WORK TASK:
Return the lines of the data below in which the string "IFCPRODUCTDEFINITIONSHAPE" occurs.

·····

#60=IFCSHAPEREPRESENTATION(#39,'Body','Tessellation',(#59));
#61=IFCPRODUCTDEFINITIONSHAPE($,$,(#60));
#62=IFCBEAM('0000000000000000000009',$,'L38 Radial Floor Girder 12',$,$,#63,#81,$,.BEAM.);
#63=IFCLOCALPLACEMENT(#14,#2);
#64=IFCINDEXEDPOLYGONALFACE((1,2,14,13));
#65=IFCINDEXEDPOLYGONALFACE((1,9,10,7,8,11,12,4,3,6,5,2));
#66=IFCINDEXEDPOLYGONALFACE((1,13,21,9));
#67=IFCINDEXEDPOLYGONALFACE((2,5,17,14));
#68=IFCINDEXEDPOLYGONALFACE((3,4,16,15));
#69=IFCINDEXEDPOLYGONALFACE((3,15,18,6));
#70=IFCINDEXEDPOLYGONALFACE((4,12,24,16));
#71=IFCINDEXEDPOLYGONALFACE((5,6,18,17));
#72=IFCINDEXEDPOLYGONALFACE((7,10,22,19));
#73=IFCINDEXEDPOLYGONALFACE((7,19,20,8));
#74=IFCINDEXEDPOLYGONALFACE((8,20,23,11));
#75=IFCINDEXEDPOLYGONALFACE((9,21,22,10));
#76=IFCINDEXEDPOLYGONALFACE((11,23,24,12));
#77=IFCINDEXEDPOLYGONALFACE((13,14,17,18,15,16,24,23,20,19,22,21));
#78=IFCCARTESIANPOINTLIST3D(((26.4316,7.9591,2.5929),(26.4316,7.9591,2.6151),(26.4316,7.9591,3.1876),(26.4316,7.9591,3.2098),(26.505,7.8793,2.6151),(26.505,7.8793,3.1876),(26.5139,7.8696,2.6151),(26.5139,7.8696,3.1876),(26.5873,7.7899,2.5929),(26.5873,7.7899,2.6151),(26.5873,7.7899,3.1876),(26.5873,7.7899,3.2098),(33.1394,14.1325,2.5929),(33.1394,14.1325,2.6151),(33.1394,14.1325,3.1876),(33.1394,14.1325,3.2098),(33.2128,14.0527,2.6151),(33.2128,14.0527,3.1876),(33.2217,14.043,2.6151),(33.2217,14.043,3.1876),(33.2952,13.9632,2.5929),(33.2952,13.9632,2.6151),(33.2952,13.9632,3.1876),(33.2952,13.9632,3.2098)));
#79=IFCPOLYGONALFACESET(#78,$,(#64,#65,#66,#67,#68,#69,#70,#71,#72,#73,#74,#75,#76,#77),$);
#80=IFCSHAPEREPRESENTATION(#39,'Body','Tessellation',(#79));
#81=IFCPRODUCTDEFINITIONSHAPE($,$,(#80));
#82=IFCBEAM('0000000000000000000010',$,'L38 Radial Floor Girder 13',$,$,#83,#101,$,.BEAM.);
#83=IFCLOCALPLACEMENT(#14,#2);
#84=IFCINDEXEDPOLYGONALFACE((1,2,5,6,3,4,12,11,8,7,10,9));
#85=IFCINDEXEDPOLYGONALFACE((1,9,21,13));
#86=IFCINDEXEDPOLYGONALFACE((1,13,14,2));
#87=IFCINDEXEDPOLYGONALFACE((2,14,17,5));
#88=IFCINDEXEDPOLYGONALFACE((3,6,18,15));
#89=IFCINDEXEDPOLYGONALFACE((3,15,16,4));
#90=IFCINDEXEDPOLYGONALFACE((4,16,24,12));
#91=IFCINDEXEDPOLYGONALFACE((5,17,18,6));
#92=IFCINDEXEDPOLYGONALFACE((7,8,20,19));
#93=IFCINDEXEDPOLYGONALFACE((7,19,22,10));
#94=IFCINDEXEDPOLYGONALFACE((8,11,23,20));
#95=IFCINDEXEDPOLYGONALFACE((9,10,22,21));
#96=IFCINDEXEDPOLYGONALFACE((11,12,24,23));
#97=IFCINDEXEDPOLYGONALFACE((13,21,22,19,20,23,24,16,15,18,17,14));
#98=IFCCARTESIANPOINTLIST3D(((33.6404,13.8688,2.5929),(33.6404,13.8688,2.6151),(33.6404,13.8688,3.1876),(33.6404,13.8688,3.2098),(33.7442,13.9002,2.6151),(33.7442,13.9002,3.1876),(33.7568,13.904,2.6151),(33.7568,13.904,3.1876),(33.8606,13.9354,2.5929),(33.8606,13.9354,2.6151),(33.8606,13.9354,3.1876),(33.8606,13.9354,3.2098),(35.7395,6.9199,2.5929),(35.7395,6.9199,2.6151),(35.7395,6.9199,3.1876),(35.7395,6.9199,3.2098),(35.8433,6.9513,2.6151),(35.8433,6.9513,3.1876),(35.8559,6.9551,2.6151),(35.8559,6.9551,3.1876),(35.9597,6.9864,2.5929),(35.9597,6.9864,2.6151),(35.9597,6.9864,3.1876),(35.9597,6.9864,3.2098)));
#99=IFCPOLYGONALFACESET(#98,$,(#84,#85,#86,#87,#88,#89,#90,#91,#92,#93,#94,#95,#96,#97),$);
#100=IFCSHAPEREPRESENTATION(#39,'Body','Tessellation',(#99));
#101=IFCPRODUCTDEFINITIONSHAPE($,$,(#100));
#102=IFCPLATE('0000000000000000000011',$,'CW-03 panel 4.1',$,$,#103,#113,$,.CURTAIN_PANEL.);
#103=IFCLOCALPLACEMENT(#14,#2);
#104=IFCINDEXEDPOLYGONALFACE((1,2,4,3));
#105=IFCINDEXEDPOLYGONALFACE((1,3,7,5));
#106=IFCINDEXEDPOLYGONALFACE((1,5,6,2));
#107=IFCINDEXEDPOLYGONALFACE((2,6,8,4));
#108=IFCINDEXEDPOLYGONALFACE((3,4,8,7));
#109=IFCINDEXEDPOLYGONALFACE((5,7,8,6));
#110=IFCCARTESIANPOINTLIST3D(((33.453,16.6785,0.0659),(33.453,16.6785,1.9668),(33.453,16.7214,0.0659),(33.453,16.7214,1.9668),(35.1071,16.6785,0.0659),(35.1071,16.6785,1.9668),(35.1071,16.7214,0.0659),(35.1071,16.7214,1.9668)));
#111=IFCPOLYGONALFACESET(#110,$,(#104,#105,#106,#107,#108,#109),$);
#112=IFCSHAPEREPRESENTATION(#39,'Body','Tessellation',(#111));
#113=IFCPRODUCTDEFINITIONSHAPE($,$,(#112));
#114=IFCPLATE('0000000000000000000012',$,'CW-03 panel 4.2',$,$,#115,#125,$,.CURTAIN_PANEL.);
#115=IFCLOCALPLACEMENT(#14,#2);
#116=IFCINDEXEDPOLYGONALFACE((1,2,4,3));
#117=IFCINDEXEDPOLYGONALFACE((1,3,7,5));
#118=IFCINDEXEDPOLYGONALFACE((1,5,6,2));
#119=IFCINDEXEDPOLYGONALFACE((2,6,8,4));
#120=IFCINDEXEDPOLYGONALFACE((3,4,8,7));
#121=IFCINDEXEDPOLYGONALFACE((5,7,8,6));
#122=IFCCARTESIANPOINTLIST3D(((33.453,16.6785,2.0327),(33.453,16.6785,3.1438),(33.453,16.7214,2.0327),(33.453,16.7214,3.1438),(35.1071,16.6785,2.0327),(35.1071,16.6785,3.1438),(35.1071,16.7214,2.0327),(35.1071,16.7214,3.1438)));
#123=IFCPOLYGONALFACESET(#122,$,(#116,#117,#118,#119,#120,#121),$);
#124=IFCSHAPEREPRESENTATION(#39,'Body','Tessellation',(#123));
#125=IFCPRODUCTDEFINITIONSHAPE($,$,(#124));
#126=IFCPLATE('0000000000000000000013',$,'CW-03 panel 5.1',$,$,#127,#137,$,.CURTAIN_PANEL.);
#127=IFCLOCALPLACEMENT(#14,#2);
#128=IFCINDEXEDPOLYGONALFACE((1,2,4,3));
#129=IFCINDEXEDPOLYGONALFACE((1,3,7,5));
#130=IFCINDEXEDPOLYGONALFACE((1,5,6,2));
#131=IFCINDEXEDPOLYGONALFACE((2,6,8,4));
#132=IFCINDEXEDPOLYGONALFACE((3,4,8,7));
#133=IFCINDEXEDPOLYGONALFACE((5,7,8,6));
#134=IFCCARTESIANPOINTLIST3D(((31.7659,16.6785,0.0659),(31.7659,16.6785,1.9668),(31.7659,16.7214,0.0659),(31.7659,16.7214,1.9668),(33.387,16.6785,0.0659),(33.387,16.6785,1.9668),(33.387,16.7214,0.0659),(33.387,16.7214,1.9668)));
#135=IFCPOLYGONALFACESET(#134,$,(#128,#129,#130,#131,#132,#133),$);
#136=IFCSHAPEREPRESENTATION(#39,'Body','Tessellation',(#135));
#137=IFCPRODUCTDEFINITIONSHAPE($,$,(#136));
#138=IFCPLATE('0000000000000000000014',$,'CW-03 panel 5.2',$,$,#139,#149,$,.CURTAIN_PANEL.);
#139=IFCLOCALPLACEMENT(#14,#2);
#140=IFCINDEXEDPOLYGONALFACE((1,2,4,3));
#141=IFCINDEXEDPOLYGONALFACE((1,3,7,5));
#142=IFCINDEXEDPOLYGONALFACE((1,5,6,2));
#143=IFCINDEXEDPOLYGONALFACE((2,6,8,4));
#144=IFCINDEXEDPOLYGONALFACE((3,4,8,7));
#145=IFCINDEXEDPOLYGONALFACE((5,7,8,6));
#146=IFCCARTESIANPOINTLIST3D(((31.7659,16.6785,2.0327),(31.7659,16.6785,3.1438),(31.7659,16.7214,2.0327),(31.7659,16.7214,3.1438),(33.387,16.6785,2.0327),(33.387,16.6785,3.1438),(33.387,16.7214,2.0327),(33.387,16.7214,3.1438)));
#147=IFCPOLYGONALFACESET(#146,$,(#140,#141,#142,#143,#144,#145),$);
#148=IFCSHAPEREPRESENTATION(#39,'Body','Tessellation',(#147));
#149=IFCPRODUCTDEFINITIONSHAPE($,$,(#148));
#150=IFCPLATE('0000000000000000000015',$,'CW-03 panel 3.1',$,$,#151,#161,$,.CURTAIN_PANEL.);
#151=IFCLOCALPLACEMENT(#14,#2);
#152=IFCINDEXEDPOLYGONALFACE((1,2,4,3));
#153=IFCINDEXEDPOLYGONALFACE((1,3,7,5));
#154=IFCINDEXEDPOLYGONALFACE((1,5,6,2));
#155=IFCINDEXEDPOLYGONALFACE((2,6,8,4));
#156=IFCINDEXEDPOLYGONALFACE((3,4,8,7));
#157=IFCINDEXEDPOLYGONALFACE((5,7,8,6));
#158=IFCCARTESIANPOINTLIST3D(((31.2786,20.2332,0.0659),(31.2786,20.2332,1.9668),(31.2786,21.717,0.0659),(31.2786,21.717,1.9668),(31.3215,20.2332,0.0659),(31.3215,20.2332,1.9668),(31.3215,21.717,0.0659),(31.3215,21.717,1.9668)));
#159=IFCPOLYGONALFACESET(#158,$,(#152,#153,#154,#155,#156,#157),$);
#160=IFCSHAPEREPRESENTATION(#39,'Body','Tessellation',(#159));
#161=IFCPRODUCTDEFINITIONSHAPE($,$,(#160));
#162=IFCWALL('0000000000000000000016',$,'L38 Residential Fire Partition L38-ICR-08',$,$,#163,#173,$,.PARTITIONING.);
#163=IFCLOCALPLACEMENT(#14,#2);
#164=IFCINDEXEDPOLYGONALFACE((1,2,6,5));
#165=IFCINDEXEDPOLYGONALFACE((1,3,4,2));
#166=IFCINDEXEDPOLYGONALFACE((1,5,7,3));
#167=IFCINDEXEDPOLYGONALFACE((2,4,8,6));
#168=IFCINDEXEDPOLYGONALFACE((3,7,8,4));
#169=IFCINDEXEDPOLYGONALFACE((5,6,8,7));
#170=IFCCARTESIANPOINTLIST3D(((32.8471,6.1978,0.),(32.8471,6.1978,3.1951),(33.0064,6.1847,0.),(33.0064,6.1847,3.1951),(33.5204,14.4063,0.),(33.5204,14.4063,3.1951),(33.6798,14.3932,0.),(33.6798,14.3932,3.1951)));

·····

EXERCISE RESPONSE:
#61=IFCPRODUCTDEFINITIONSHAPE($,$,(#60));
#81=IFCPRODUCTDEFINITIONSHAPE($,$,(#80));
#101=IFCPRODUCTDEFINITIONSHAPE($,$,(#100));
#113=IFCPRODUCTDEFINITIONSHAPE($,$,(#112));
#125=IFCPRODUCTDEFINITIONSHAPE($,$,(#124));
#137=IFCPRODUCTDEFINITIONSHAPE($,$,(#136));
#149=IFCPRODUCTDEFINITIONSHAPE($,$,(#148));
#161=IFCPRODUCTDEFINITIONSHAPE($,$,(#160));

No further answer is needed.